_Extracted data_

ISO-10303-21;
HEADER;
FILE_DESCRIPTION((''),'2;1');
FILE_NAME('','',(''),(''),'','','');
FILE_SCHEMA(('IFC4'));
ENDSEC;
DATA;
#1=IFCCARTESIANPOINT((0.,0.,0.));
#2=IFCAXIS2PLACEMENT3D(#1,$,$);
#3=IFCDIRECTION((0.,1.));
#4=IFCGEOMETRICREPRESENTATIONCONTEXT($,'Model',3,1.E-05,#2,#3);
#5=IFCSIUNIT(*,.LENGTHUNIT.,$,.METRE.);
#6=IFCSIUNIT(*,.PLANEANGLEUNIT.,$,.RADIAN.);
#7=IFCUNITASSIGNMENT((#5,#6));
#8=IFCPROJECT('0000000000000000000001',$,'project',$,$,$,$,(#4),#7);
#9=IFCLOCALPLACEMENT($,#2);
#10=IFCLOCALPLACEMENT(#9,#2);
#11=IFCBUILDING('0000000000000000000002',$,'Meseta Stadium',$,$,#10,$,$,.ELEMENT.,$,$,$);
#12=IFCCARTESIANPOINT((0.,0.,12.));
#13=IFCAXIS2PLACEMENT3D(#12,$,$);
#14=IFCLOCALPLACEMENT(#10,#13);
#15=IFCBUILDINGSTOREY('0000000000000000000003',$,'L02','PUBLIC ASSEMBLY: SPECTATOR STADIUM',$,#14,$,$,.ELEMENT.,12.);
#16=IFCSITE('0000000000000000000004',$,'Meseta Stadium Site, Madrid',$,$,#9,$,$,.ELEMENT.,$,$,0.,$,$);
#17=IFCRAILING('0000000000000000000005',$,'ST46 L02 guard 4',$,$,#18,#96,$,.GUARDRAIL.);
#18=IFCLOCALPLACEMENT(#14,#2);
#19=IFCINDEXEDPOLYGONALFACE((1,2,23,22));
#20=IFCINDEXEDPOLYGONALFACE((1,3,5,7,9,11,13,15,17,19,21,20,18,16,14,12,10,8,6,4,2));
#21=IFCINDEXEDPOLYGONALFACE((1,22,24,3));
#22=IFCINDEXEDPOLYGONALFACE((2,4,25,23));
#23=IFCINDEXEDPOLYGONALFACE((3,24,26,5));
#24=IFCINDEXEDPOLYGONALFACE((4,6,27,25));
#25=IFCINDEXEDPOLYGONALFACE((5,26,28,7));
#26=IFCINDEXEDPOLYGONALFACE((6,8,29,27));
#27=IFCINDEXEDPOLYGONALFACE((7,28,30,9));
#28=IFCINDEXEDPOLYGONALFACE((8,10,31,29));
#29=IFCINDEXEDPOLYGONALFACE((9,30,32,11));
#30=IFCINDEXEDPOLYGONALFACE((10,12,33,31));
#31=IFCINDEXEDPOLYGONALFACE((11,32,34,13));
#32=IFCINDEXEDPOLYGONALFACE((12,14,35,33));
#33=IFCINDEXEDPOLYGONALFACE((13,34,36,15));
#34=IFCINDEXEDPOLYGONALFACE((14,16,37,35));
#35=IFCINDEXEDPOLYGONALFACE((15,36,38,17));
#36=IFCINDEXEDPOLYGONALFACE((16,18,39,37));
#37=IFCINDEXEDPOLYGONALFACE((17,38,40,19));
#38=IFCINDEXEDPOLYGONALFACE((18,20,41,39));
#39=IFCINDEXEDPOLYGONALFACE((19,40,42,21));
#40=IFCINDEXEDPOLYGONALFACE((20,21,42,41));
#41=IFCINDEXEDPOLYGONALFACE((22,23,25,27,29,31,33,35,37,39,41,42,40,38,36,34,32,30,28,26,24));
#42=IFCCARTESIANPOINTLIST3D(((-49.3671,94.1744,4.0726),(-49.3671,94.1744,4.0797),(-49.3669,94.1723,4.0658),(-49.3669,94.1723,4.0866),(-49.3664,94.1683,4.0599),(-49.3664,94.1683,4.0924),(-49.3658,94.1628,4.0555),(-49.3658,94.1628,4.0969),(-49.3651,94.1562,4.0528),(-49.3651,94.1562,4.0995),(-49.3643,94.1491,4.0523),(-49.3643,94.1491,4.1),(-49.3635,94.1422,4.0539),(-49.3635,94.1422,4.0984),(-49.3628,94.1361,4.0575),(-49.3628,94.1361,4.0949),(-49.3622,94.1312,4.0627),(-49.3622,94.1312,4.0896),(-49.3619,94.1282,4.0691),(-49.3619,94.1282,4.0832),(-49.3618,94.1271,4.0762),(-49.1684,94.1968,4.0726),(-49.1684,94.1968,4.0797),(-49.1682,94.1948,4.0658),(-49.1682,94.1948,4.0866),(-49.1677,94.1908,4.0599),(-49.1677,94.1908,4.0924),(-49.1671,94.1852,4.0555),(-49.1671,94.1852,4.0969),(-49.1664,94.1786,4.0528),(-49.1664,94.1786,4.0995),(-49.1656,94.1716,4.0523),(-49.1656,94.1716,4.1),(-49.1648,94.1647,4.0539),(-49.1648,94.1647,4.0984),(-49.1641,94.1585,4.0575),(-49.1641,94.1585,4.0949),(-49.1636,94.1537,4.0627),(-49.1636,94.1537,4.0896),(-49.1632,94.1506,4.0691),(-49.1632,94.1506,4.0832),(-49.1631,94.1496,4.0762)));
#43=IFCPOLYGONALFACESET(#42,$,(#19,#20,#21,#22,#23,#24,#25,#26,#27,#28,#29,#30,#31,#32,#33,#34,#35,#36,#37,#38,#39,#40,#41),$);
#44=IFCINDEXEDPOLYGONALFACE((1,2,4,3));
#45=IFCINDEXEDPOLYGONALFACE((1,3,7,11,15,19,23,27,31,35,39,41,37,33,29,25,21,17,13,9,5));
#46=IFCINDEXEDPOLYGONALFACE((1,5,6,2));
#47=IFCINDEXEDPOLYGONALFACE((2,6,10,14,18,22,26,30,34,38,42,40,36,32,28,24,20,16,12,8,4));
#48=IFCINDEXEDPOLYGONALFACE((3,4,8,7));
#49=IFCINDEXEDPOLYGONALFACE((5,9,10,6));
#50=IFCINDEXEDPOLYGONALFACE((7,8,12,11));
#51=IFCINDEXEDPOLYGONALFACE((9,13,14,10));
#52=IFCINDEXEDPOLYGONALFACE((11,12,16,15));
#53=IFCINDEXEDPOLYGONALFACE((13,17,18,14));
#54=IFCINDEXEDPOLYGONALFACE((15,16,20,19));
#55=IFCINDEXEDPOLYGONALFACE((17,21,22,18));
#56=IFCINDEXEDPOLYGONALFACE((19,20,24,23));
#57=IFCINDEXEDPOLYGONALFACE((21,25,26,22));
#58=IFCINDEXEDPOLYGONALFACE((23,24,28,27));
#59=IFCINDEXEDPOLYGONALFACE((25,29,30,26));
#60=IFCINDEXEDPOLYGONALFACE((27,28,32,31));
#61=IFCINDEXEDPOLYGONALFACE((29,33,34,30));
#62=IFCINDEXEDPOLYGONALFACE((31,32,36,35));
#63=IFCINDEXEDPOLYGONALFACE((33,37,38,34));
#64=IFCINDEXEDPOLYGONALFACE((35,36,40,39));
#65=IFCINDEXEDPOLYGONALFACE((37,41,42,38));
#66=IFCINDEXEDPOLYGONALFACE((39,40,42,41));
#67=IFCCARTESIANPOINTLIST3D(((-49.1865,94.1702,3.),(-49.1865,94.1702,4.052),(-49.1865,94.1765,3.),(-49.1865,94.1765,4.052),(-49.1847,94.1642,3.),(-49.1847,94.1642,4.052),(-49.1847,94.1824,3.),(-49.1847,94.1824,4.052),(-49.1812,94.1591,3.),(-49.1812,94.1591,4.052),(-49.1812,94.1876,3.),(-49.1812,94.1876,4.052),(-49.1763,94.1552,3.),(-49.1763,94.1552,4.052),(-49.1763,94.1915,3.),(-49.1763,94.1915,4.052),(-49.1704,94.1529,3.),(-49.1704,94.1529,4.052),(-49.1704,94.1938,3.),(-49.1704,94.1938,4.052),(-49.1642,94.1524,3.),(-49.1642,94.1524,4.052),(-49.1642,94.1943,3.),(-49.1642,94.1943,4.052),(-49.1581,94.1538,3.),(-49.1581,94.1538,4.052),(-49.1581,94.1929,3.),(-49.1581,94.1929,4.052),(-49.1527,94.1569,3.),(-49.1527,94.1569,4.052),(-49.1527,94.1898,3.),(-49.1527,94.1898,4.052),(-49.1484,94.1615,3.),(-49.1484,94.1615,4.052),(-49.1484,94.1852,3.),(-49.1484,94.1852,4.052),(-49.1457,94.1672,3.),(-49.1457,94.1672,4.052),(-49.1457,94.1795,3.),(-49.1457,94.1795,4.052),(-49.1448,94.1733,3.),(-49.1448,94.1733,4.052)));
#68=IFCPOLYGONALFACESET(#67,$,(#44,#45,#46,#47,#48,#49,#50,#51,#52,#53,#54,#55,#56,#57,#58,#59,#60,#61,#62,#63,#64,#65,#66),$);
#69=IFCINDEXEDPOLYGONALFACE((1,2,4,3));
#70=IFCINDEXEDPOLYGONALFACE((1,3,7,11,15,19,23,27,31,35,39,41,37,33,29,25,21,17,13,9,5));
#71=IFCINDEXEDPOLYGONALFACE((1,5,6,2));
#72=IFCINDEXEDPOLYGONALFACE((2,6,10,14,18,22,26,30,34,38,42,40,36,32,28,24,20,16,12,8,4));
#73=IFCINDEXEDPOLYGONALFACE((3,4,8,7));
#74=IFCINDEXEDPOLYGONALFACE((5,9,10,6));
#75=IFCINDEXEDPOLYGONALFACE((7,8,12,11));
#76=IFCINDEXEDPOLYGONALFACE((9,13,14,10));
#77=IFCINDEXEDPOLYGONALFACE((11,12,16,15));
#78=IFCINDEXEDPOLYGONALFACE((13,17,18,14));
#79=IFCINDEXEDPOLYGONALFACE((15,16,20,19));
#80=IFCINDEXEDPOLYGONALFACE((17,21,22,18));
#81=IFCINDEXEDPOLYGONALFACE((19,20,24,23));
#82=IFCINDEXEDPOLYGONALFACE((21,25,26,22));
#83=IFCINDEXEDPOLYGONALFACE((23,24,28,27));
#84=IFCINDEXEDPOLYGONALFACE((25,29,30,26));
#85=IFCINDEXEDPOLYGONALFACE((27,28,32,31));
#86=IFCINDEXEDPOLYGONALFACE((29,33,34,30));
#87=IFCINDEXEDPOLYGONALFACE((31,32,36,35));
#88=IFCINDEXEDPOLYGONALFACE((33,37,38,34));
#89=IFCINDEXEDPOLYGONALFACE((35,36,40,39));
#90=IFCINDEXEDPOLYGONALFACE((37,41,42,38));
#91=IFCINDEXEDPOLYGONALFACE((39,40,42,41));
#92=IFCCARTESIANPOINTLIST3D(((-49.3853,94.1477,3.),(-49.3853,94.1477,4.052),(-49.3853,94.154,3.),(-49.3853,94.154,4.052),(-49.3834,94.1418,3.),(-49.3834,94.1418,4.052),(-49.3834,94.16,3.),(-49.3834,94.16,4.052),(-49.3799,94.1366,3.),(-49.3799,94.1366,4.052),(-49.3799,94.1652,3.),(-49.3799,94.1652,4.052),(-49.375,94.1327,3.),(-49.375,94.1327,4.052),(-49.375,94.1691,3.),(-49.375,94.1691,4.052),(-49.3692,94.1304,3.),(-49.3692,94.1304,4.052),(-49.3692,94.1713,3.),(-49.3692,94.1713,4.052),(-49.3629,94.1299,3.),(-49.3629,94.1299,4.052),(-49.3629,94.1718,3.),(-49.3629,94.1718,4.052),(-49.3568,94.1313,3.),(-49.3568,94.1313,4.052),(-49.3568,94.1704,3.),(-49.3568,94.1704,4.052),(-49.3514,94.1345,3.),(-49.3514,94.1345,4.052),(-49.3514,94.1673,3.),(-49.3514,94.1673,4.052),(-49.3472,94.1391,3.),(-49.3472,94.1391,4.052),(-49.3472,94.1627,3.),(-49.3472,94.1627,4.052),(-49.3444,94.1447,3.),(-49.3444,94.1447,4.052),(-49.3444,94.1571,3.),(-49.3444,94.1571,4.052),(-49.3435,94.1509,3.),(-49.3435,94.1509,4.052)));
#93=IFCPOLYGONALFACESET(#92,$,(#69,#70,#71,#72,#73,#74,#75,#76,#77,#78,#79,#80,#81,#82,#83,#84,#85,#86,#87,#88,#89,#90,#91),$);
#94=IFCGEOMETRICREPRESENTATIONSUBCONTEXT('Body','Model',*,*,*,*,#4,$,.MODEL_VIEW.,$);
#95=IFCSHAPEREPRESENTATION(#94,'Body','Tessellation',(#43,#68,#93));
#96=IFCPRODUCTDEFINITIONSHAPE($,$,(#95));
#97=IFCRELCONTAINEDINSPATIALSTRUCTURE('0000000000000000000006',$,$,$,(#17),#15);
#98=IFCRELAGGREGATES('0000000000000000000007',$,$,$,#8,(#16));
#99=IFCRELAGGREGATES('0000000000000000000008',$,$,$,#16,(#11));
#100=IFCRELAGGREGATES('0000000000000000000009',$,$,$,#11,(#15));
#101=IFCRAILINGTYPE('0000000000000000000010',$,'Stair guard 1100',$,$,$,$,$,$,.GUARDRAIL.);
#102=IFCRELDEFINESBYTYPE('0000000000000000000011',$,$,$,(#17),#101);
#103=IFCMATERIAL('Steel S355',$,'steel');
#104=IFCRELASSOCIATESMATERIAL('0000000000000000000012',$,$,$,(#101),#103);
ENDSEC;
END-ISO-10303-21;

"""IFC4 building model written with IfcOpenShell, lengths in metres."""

from ifc_helpers import new_model, si_unit, direction, frame, origin, origin_2d, place, context, subcontext, project, spatial, circle, extrude, material, type_object, element, save


model = new_model("IFC4")

# Units and contexts
model_context = context("Model", 3, precision=1e-05, world=origin(), true_north=direction((0.0, 1.0)))
body_context = subcontext(model_context, "Body", "Model", "MODEL_VIEW")
ifc_project = project(units=[si_unit("LENGTHUNIT", "METRE"), si_unit("PLANEANGLEUNIT", "RADIAN")], contexts=[model_context])

# Site, building, storey
site_placement = place(None, origin())
site = spatial("IfcSite", under=ifc_project, at=site_placement, Name="Meseta Stadium Site, Madrid", CompositionType="ELEMENT", RefElevation=0.0)
building_placement = place(site_placement, origin())
building = spatial("IfcBuilding", under=site, at=building_placement, Name="Meseta Stadium", CompositionType="ELEMENT")
storey_placement = place(building_placement, frame((0.0, 0.0, 12.0)))
storey = spatial("IfcBuildingStorey", under=building, at=storey_placement, Name="L02", Description="PUBLIC ASSEMBLY: SPECTATOR STADIUM", CompositionType="ELEMENT", Elevation=12.0)

# Railing
ifc_material_1 = material(Name="Steel S355", Category="steel")
railing_type_1 = type_object("IfcRailingType", Name="Stair guard 1100", PredefinedType="GUARDRAIL", material=ifc_material_1)
railing_1_placement = place(storey_placement, frame((-49.1658, 94.1733, 3.0)))
element("IfcRailing", 1, at=railing_1_placement, inside=storey, type_object=railing_type_1, Name="ST46 L02 guard 4", PredefinedType="GUARDRAIL", context=body_context, shape_type="SweptSolid", body=[
    extrude(circle(Radius=0.0239, at=origin_2d()), frame((0.0, 0.0, 1.0762), z_axis=(-0.993674, -0.112307, 0.0), x_axis=(0.112307, -0.993674, 0.0)), (0.0, 0.0, 1.0), 0.2),
    extrude(circle(Radius=0.021, at=origin_2d()), origin(), (0.0, 0.0, 1.0), 1.052),
    extrude(circle(Radius=0.021, at=origin_2d()), frame((-0.1987, -0.0225, 0.0)), (0.0, 0.0, 1.0), 1.052),
])

save(model, "model.ifc")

_Exercise prompt_
Write down exactly every line of the material above up to and including the line containing "#28=IFCINDEXEDPOLYGONALFACE((8,10,31,29));".

_Answer box_
ISO-10303-21;
HEADER;
FILE_DESCRIPTION((''),'2;1');
FILE_NAME('','',(''),(''),'','','');
FILE_SCHEMA(('IFC4'));
ENDSEC;
DATA;
#1=IFCCARTESIANPOINT((0.,0.,0.));
#2=IFCAXIS2PLACEMENT3D(#1,$,$);
#3=IFCDIRECTION((0.,1.));
#4=IFCGEOMETRICREPRESENTATIONCONTEXT($,'Model',3,1.E-05,#2,#3);
#5=IFCSIUNIT(*,.LENGTHUNIT.,$,.METRE.);
#6=IFCSIUNIT(*,.PLANEANGLEUNIT.,$,.RADIAN.);
#7=IFCUNITASSIGNMENT((#5,#6));
#8=IFCPROJECT('0000000000000000000001',$,'project',$,$,$,$,(#4),#7);
#9=IFCLOCALPLACEMENT($,#2);
#10=IFCLOCALPLACEMENT(#9,#2);
#11=IFCBUILDING('0000000000000000000002',$,'Meseta Stadium',$,$,#10,$,$,.ELEMENT.,$,$,$);
#12=IFCCARTESIANPOINT((0.,0.,12.));
#13=IFCAXIS2PLACEMENT3D(#12,$,$);
#14=IFCLOCALPLACEMENT(#10,#13);
#15=IFCBUILDINGSTOREY('0000000000000000000003',$,'L02','PUBLIC ASSEMBLY: SPECTATOR STADIUM',$,#14,$,$,.ELEMENT.,12.);
#16=IFCSITE('0000000000000000000004',$,'Meseta Stadium Site, Madrid',$,$,#9,$,$,.ELEMENT.,$,$,0.,$,$);
#17=IFCRAILING('0000000000000000000005',$,'ST46 L02 guard 4',$,$,#18,#96,$,.GUARDRAIL.);
#18=IFCLOCALPLACEMENT(#14,#2);
#19=IFCINDEXEDPOLYGONALFACE((1,2,23,22));
#20=IFCINDEXEDPOLYGONALFACE((1,3,5,7,9,11,13,15,17,19,21,20,18,16,14,12,10,8,6,4,2));
#21=IFCINDEXEDPOLYGONALFACE((1,22,24,3));
#22=IFCINDEXEDPOLYGONALFACE((2,4,25,23));
#23=IFCINDEXEDPOLYGONALFACE((3,24,26,5));
#24=IFCINDEXEDPOLYGONALFACE((4,6,27,25));
#25=IFCINDEXEDPOLYGONALFACE((5,26,28,7));
#26=IFCINDEXEDPOLYGONALFACE((6,8,29,27));
#27=IFCINDEXEDPOLYGONALFACE((7,28,30,9));
#28=IFCINDEXEDPOLYGONALFACE((8,10,31,29));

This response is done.